** Opening DATA FOR PROCESSING block **

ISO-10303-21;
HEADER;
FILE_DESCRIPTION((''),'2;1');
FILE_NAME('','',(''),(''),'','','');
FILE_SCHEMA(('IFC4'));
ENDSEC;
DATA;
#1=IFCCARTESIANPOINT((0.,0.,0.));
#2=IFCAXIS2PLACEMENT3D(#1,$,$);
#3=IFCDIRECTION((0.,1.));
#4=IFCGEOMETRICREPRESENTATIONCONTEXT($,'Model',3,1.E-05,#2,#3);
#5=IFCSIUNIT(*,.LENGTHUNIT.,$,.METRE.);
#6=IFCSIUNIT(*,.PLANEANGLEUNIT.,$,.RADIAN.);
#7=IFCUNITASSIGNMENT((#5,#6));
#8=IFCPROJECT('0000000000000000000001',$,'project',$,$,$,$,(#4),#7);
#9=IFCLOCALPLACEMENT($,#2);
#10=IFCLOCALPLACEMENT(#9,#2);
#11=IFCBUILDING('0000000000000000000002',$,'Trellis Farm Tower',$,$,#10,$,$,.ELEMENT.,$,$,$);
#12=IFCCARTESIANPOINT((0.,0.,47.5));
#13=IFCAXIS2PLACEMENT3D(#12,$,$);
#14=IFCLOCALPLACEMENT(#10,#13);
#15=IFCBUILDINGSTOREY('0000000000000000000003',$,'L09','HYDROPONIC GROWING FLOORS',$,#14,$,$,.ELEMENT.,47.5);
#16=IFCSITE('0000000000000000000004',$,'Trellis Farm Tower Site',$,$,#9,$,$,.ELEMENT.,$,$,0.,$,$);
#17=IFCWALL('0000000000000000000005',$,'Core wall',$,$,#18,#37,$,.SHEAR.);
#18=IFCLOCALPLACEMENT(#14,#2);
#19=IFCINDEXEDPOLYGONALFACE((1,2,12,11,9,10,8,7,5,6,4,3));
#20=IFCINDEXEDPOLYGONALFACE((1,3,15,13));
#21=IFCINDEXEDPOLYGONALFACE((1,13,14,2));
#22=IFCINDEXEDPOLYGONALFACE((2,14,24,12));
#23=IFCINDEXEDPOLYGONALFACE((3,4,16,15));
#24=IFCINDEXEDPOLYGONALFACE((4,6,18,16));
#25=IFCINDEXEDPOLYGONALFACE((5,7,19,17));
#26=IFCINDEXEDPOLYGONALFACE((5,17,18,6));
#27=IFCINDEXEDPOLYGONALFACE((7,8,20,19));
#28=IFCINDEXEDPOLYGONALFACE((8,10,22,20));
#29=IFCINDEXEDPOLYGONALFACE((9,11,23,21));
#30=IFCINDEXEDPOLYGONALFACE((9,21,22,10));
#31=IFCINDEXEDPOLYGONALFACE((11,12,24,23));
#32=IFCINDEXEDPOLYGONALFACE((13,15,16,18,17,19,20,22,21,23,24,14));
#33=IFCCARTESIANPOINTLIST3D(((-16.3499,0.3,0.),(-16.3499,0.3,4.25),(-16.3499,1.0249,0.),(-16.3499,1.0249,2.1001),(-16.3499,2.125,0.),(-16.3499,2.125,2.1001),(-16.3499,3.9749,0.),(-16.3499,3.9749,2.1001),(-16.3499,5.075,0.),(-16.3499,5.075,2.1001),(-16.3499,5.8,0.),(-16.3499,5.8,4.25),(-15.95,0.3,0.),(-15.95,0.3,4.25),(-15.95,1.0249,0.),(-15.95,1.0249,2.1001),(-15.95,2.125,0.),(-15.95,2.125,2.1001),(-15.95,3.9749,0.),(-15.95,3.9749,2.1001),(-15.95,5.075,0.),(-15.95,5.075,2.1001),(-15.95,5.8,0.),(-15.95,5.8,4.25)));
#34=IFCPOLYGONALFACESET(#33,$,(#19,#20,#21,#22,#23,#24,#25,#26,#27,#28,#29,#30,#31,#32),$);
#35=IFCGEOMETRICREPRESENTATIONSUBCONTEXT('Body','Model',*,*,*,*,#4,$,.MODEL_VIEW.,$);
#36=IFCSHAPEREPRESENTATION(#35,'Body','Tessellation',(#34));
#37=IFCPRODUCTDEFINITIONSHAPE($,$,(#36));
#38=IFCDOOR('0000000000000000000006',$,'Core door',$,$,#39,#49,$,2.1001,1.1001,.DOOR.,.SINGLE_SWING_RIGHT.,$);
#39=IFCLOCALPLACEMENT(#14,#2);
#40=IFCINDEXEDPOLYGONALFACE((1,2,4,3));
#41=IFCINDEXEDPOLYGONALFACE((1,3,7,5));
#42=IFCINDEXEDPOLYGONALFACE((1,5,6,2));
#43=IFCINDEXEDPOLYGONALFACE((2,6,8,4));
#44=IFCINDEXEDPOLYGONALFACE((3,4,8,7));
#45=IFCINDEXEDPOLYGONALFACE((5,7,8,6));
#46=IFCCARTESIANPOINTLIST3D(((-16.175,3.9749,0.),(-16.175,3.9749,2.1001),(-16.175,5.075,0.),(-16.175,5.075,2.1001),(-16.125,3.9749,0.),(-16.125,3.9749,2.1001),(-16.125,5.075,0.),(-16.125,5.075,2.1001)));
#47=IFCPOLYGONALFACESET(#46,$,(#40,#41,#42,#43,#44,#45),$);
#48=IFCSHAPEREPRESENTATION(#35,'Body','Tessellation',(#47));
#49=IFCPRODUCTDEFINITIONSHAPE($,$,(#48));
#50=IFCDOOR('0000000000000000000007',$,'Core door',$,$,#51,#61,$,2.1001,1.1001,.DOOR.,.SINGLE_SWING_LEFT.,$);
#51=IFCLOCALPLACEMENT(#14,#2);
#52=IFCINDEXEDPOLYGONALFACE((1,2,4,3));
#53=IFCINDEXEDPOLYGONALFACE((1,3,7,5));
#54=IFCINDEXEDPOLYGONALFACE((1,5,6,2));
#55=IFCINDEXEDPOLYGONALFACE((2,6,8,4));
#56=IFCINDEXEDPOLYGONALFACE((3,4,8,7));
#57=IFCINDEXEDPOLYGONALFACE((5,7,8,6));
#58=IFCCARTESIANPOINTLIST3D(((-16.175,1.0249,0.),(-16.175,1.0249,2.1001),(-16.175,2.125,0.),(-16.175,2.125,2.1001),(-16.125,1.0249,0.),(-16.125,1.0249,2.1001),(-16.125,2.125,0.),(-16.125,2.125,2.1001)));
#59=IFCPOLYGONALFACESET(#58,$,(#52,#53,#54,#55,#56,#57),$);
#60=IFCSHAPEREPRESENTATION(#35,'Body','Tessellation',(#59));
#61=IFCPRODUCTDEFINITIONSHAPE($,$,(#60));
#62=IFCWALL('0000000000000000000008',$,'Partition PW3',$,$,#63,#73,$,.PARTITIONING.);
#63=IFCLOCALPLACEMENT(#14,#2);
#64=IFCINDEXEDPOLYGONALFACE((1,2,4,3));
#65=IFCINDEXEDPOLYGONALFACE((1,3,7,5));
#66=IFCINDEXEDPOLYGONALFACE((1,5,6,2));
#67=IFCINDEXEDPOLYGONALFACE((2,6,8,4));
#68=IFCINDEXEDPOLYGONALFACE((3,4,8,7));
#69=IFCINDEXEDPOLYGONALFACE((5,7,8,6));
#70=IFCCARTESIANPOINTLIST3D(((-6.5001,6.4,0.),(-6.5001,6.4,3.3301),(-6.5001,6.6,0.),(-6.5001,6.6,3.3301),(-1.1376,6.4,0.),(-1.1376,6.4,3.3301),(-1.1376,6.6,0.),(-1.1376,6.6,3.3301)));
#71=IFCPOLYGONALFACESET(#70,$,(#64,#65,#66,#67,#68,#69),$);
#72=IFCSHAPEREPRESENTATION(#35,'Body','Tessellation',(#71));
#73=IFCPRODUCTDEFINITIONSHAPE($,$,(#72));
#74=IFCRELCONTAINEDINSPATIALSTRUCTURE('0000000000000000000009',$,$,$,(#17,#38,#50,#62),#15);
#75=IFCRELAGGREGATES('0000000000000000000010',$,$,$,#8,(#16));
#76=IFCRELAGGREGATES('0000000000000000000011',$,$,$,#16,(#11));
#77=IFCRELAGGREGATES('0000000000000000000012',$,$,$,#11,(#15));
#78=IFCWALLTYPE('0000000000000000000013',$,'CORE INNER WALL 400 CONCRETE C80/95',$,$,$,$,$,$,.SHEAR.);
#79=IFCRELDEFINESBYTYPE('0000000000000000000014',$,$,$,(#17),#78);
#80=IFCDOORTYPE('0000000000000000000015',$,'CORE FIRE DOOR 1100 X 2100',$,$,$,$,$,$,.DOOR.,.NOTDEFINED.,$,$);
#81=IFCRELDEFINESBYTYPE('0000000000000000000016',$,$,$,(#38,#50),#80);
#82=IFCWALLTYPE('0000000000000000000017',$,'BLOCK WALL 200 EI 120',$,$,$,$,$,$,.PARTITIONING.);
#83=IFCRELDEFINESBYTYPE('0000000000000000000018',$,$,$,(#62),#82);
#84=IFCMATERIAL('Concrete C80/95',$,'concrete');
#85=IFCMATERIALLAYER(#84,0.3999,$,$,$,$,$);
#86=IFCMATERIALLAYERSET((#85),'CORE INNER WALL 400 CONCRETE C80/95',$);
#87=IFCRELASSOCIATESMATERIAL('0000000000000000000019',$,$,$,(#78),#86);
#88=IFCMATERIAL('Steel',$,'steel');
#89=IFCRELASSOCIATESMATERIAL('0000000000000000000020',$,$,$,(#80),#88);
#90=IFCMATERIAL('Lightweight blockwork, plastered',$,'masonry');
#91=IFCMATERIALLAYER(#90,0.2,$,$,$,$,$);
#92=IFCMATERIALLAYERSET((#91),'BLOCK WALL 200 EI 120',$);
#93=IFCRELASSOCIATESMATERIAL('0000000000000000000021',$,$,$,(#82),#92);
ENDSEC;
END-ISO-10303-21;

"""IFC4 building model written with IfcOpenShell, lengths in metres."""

from ifc_helpers import new_model, si_unit, direction, frame, frame_2d, origin, place, context, subcontext, project, spatial, rectangle, extrude, source, transform, mapped, material, layer, layer_set, type_object, element, fill, save


model = new_model("IFC4")

# Units and contexts
model_context = context("Model", 3, precision=1e-05, world=origin(), true_north=direction((0.0, 1.0)))
body_context = subcontext(model_context, "Body", "Model", "MODEL_VIEW")
ifc_project = project(units=[si_unit("LENGTHUNIT", "METRE"), si_unit("PLANEANGLEUNIT", "RADIAN")], contexts=[model_context])

# Site, building, storey
site_placement = place(None, origin())
site = spatial("IfcSite", under=ifc_project, at=site_placement, Name="Trellis Farm Tower Site", CompositionType="ELEMENT", RefElevation=0.0)
building_placement = place(site_placement, origin())
building = spatial("IfcBuilding", under=site, at=building_placement, Name="Trellis Farm Tower", CompositionType="ELEMENT")
storey_placement = place(building_placement, frame((0.0, 0.0, 47.5)))
storey = spatial("IfcBuildingStorey", under=building, at=storey_placement, Name="L09", Description="HYDROPONIC GROWING FLOORS", CompositionType="ELEMENT", Elevation=47.5)

# Shared definitions
ifc_material_1 = material(Name="Concrete C80/95", Category="concrete")

# Shared definitions
ifc_material_2 = material(Name="Steel", Category="steel")

# Shared definitions
ifc_layer_1 = layer(ifc_material_1, 0.3999)
ifc_layer_set_1 = layer_set([ifc_layer_1], Name="CORE INNER WALL 400 CONCRETE C80/95")
wall_type_1 = type_object("IfcWallType", Name="CORE INNER WALL 400 CONCRETE C80/95", PredefinedType="SHEAR", material=ifc_layer_set_1)

# Wall, openings, doors
shared_shape_1 = source(origin(), body_context, "Body", "SweptSolid", [
    extrude(rectangle(XDim=5.5, YDim=0.3999, at=frame_2d((2.75, 0.0))), origin(), (0.0, 0.0, 1.0), 4.25),
])
wall_1_placement = place(storey_placement, frame((-16.1499, 5.8, 0.0), z_axis=(0.0, 0.0, 1.0), x_axis=(0.0, -1.0, 0.0)))
wall_1 = element("IfcWall", 1, at=wall_1_placement, inside=storey, type_object=wall_type_1, Name="Core wall", PredefinedType="SHEAR", context=body_context, shape_type="MappedRepresentation", body=[
    mapped(shared_shape_1, transform((0.0, 0.0, 0.0))),
])
shared_shape_2 = source(origin(), body_context, "Body", "SweptSolid", [
    extrude(rectangle(XDim=1.1001, YDim=2.1001, at=frame_2d((0.55, 1.05))), frame((0.0, 0.21, 0.0), z_axis=(0.0, -1.0, 0.0), x_axis=(1.0, 0.0, 0.0)), (0.0, 0.0, 1.0), 0.4199),
])
opening_1_placement = place(wall_1_placement, frame((0.7251, 0.0, 0.0)))
opening_1 = element("IfcOpeningElement", 2, at=opening_1_placement, cuts=wall_1, PredefinedType="OPENING", context=body_context, shape_type="MappedRepresentation", body=[
    mapped(shared_shape_2, transform((0.0, 0.0, 0.0))),
])
opening_2_placement = place(wall_1_placement, frame((3.675, 0.0, 0.0)))
opening_2 = element("IfcOpeningElement", 3, at=opening_2_placement, cuts=wall_1, PredefinedType="OPENING", context=body_context, shape_type="MappedRepresentation", body=[
    mapped(shared_shape_2, transform((0.0, 0.0, 0.0))),
])
door_type_1 = type_object("IfcDoorType", Name="CORE FIRE DOOR 1100 X 2100", OperationType="NOTDEFINED", PredefinedType="DOOR", material=ifc_material_2)
shared_shape_3 = source(origin(), body_context, "Body", "SweptSolid", [
    extrude(rectangle(XDim=1.1001, YDim=2.1001, at=frame_2d((0.55, 1.05))), frame((0.0, 0.0249, 0.0), z_axis=(0.0, -1.0, 0.0), x_axis=(1.0, 0.0, 0.0)), (0.0, 0.0, 1.0), 0.05),
])
door_1_placement = place(opening_1_placement, origin())
door_1 = element("IfcDoor", 4, at=door_1_placement, inside=storey, type_object=door_type_1, Name="Core door", OperationType="SINGLE_SWING_RIGHT", OverallHeight=2.1001, OverallWidth=1.1001, PredefinedType="DOOR", context=body_context, shape_type="MappedRepresentation", body=[
    mapped(shared_shape_3, transform((0.0, 0.0, 0.0))),
])
fill(opening_1, door_1)
door_2_placement = place(opening_2_placement, origin())
door_2 = element("IfcDoor", 5, at=door_2_placement, inside=storey, type_object=door_type_1, Name="Core door", OperationType="SINGLE_SWING_LEFT", OverallHeight=2.1001, OverallWidth=1.1001, PredefinedType="DOOR", context=body_context, shape_type="MappedRepresentation", body=[
    mapped(shared_shape_3, transform((0.0, 0.0, 0.0))),
])
fill(opening_2, door_2)

# Wall
ifc_material_3 = material(Name="Lightweight blockwork, plastered", Category="masonry")
ifc_layer_2 = layer(ifc_material_3, 0.2)
ifc_layer_set_2 = layer_set([ifc_layer_2], Name="BLOCK WALL 200 EI 120")
wall_type_2 = type_object("IfcWallType", Name="BLOCK WALL 200 EI 120", PredefinedType="PARTITIONING", material=ifc_layer_set_2)
shared_shape_4 = source(origin(), body_context, "Body", "SweptSolid", [
    extrude(rectangle(XDim=5.3625, YDim=0.2, at=frame_2d((2.6812, 0.0))), origin(), (0.0, 0.0, 1.0), 3.3301),
])
wall_2_placement = place(storey_placement, frame((-6.5, 6.5, 0.0), z_axis=(0.0, 0.0, 1.0), x_axis=(1.0, 0.0, 0.0)))
element("IfcWall", 6, at=wall_2_placement, inside=storey, type_object=wall_type_2, Name="Partition PW3", PredefinedType="PARTITIONING", context=body_context, shape_type="MappedRepresentation", body=[
    mapped(shared_shape_4, transform((0.0, 0.0, 0.0))),
])

save(model, "model.ifc")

** Closing DATA FOR PROCESSING block **

_TASK TO CARRY OUT_:
Would you please copy exactly the part of the entries above that begins at the line containing "#25=IFCINDEXEDPOLYGONALFACE((5,7,19,17));" and ends at the line containing "#36=IFCSHAPEREPRESENTATION(#35,'Body','Tessellation',(#34));", both lines included?

_EXERCISE SOLUTION_:
#25=IFCINDEXEDPOLYGONALFACE((5,7,19,17));
#26=IFCINDEXEDPOLYGONALFACE((5,17,18,6));
#27=IFCINDEXEDPOLYGONALFACE((7,8,20,19));
#28=IFCINDEXEDPOLYGONALFACE((8,10,22,20));
#29=IFCINDEXEDPOLYGONALFACE((9,11,23,21));
#30=IFCINDEXEDPOLYGONALFACE((9,21,22,10));
#31=IFCINDEXEDPOLYGONALFACE((11,12,24,23));
#32=IFCINDEXEDPOLYGONALFACE((13,15,16,18,17,19,20,22,21,23,24,14));
#33=IFCCARTESIANPOINTLIST3D(((-16.3499,0.3,0.),(-16.3499,0.3,4.25),(-16.3499,1.0249,0.),(-16.3499,1.0249,2.1001),(-16.3499,2.125,0.),(-16.3499,2.125,2.1001),(-16.3499,3.9749,0.),(-16.3499,3.9749,2.1001),(-16.3499,5.075,0.),(-16.3499,5.075,2.1001),(-16.3499,5.8,0.),(-16.3499,5.8,4.25),(-15.95,0.3,0.),(-15.95,0.3,4.25),(-15.95,1.0249,0.),(-15.95,1.0249,2.1001),(-15.95,2.125,0.),(-15.95,2.125,2.1001),(-15.95,3.9749,0.),(-15.95,3.9749,2.1001),(-15.95,5.075,0.),(-15.95,5.075,2.1001),(-15.95,5.8,0.),(-15.95,5.8,4.25)));
#34=IFCPOLYGONALFACESET(#33,$,(#19,#20,#21,#22,#23,#24,#25,#26,#27,#28,#29,#30,#31,#32),$);
#35=IFCGEOMETRICREPRESENTATIONSUBCONTEXT('Body','Model',*,*,*,*,#4,$,.MODEL_VIEW.,$);
#36=IFCSHAPEREPRESENTATION(#35,'Body','Tessellation',(#34));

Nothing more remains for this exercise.